──────── DATA EXTRACTS ────────
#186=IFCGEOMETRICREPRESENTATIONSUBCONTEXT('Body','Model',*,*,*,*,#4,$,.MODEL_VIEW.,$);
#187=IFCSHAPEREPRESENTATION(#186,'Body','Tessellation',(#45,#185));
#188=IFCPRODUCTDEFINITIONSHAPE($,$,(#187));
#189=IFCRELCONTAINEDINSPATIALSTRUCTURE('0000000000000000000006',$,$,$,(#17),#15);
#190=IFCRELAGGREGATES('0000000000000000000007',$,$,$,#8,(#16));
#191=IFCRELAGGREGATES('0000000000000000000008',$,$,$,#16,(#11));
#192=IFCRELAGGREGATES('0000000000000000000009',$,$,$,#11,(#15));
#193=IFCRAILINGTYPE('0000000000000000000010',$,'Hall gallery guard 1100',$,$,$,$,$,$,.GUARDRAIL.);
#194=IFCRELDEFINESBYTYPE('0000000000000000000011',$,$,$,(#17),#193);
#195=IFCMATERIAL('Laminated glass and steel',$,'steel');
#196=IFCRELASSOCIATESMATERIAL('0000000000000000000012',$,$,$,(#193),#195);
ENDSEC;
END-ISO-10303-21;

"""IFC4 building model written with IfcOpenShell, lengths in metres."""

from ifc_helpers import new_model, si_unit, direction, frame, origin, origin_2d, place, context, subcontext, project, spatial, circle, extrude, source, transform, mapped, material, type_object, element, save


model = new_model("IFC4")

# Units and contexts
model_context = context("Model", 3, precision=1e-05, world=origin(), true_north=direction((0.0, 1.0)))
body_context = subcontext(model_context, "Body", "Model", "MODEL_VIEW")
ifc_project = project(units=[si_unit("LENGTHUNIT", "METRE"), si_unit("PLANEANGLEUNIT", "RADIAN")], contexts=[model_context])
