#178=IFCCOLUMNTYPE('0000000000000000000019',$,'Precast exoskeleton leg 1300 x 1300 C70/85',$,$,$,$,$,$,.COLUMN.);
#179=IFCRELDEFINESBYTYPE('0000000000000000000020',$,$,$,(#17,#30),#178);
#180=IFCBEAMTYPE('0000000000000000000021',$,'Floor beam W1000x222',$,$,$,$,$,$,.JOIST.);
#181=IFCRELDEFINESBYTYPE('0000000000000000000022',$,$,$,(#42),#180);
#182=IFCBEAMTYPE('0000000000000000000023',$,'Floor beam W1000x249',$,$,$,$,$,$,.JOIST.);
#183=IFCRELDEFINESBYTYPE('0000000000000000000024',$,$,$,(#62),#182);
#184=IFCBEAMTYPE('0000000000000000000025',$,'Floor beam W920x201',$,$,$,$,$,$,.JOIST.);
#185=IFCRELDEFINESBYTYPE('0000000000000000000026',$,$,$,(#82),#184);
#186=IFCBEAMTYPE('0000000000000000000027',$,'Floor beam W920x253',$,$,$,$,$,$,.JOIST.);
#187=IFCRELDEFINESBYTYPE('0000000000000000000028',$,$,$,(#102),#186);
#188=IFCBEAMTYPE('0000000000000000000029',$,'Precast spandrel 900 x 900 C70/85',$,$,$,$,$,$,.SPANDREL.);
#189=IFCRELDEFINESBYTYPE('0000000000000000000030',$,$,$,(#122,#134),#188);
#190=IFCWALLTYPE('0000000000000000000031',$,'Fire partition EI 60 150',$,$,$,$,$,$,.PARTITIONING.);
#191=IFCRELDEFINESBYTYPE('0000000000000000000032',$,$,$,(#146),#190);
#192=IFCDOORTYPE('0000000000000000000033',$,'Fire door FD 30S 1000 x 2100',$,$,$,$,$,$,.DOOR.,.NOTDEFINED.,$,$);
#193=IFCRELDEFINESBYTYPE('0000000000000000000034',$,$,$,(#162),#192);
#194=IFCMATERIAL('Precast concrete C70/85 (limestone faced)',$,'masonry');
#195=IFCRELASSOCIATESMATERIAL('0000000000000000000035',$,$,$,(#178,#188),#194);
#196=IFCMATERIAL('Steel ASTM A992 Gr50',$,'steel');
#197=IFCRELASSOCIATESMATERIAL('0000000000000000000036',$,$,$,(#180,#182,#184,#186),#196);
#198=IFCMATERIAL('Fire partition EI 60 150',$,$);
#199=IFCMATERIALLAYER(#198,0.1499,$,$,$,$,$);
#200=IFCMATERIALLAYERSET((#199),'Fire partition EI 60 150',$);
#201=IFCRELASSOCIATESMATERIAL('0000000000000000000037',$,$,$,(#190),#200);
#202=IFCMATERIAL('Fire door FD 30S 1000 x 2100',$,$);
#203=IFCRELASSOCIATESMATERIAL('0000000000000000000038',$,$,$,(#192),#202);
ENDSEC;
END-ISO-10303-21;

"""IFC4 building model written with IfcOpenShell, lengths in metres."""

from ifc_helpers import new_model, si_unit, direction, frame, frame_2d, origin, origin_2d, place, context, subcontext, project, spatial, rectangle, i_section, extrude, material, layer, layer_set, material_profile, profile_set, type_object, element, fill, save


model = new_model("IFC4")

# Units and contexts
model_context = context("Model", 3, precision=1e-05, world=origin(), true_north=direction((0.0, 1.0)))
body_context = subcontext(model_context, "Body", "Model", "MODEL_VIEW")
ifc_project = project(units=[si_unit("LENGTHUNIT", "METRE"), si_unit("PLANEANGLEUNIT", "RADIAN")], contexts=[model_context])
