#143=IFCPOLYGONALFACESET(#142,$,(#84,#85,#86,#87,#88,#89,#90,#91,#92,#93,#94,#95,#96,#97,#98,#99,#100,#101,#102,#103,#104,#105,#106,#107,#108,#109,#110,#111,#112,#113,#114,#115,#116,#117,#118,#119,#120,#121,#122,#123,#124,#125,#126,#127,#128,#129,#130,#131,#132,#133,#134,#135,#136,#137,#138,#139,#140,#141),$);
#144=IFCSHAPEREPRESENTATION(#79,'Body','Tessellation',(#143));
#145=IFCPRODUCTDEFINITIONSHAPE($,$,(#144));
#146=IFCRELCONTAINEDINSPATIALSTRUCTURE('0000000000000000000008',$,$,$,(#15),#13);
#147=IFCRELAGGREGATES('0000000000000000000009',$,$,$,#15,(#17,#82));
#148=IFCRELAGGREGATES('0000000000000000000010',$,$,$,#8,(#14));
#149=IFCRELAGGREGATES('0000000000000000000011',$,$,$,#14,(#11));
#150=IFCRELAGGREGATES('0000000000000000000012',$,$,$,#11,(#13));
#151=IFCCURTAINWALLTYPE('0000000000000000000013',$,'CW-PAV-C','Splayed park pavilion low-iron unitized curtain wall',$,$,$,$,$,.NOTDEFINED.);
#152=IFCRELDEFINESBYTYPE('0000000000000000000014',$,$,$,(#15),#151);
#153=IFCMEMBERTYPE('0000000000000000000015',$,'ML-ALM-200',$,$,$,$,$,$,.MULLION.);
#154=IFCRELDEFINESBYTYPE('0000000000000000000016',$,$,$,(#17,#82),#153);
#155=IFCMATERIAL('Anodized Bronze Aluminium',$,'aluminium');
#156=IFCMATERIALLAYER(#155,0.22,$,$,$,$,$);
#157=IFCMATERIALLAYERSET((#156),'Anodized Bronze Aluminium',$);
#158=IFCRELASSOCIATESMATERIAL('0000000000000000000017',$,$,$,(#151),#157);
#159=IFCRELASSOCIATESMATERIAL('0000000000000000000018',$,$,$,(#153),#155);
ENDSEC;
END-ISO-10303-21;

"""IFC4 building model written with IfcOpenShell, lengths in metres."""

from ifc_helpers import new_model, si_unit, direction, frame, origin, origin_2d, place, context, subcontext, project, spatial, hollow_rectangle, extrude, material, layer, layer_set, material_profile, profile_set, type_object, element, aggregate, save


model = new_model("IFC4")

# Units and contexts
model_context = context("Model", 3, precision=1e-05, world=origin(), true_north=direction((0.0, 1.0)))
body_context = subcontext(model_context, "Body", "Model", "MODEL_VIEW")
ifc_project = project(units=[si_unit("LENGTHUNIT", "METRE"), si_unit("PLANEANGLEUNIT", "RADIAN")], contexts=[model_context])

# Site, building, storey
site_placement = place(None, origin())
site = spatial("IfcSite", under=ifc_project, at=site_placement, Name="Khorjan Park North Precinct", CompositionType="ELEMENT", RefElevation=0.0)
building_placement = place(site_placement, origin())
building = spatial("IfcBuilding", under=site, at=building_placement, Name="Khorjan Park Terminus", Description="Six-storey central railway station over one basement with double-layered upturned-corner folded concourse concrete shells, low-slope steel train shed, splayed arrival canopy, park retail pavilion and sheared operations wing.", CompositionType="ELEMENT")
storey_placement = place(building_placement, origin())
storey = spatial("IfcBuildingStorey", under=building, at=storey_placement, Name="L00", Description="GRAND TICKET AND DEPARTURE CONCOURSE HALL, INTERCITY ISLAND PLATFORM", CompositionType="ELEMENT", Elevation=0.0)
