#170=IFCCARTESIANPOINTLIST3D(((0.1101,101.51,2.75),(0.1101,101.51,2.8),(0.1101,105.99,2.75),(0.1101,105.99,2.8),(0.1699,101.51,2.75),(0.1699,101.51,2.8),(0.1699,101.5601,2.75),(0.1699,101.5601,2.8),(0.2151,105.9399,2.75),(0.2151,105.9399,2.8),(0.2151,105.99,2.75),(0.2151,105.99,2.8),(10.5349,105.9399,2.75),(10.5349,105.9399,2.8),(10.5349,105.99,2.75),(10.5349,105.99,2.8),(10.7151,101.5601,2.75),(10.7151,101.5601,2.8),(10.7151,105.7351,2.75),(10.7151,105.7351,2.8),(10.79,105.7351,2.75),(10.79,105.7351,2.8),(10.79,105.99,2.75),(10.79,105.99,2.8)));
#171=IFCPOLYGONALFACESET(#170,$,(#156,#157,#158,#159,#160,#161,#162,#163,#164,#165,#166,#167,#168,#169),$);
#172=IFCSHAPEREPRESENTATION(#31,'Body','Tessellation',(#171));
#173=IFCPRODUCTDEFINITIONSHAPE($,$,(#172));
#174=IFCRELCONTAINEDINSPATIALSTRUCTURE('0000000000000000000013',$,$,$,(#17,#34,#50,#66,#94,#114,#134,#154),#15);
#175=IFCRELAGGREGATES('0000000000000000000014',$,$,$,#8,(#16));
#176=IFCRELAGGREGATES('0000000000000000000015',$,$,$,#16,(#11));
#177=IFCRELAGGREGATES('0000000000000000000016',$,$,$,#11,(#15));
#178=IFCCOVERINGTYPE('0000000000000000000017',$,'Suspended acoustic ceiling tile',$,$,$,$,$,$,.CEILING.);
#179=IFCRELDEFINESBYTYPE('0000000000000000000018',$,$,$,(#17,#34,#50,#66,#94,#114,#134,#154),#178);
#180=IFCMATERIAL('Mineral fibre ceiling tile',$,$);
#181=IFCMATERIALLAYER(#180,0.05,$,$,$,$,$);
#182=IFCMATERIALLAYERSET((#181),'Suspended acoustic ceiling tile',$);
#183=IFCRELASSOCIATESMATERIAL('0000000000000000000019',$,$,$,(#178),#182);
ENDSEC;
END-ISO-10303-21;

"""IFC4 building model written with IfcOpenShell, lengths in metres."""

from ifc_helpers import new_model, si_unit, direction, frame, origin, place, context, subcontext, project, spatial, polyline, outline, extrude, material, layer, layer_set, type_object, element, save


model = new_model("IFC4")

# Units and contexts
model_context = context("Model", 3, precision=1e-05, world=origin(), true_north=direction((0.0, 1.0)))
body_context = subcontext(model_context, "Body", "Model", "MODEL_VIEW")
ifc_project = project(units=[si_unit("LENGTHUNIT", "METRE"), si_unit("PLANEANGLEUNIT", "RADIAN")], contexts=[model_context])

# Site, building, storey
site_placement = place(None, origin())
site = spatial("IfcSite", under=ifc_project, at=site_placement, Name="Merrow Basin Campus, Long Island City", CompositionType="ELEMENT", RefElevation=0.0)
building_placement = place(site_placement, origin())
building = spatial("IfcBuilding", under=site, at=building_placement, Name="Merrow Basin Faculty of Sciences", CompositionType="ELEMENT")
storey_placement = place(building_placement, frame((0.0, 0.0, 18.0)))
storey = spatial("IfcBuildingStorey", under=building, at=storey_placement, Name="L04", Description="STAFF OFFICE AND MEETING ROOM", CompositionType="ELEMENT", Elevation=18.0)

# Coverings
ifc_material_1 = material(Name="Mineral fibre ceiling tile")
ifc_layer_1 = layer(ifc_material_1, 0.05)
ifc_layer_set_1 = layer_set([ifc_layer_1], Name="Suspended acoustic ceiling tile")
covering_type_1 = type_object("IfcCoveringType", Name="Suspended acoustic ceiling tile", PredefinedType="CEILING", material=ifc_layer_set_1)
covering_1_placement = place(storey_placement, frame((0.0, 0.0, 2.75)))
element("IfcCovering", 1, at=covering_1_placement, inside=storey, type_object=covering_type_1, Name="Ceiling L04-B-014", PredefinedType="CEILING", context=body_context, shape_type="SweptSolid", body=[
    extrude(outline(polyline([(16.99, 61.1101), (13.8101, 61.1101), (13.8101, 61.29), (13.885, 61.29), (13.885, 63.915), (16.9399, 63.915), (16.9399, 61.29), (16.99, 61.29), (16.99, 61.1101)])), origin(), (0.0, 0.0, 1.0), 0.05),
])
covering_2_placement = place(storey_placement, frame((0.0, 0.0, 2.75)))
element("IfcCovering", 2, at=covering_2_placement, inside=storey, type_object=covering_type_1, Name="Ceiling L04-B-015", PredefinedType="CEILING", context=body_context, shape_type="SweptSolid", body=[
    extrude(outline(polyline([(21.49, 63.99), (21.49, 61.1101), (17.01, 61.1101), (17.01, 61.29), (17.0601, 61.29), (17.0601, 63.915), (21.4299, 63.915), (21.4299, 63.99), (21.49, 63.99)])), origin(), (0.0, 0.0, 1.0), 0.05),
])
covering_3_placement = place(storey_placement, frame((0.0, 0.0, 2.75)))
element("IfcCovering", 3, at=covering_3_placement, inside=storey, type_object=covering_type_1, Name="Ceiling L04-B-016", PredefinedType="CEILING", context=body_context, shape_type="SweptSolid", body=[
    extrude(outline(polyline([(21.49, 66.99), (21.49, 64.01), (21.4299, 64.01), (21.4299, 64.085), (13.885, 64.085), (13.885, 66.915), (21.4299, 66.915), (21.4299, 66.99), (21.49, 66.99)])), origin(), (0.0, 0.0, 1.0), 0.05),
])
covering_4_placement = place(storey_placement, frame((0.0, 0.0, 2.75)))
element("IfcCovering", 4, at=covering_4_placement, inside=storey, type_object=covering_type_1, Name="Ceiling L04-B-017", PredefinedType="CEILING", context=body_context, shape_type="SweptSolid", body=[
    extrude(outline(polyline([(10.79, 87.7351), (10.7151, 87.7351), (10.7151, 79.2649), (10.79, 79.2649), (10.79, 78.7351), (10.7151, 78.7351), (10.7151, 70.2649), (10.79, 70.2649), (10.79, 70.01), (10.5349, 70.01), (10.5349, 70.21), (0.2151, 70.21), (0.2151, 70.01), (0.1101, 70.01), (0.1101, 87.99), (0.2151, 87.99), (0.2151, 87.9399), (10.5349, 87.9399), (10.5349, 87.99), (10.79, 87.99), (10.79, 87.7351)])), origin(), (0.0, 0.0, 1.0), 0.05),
────────
▶ WHAT YOU SHOULD DO
From the records above, copy each line where the word "Floor" can be found.

▶ ANSWER BOX
#180=IFCBEAMTYPE('0000000000000000000021',$,'Floor beam W1000x222',$,$,$,$,$,$,.JOIST.);
#182=IFCBEAMTYPE('0000000000000000000023',$,'Floor beam W1000x249',$,$,$,$,$,$,.JOIST.);
#184=IFCBEAMTYPE('0000000000000000000025',$,'Floor beam W920x201',$,$,$,$,$,$,.JOIST.);
#186=IFCBEAMTYPE('0000000000000000000027',$,'Floor beam W920x253',$,$,$,$,$,$,.JOIST.);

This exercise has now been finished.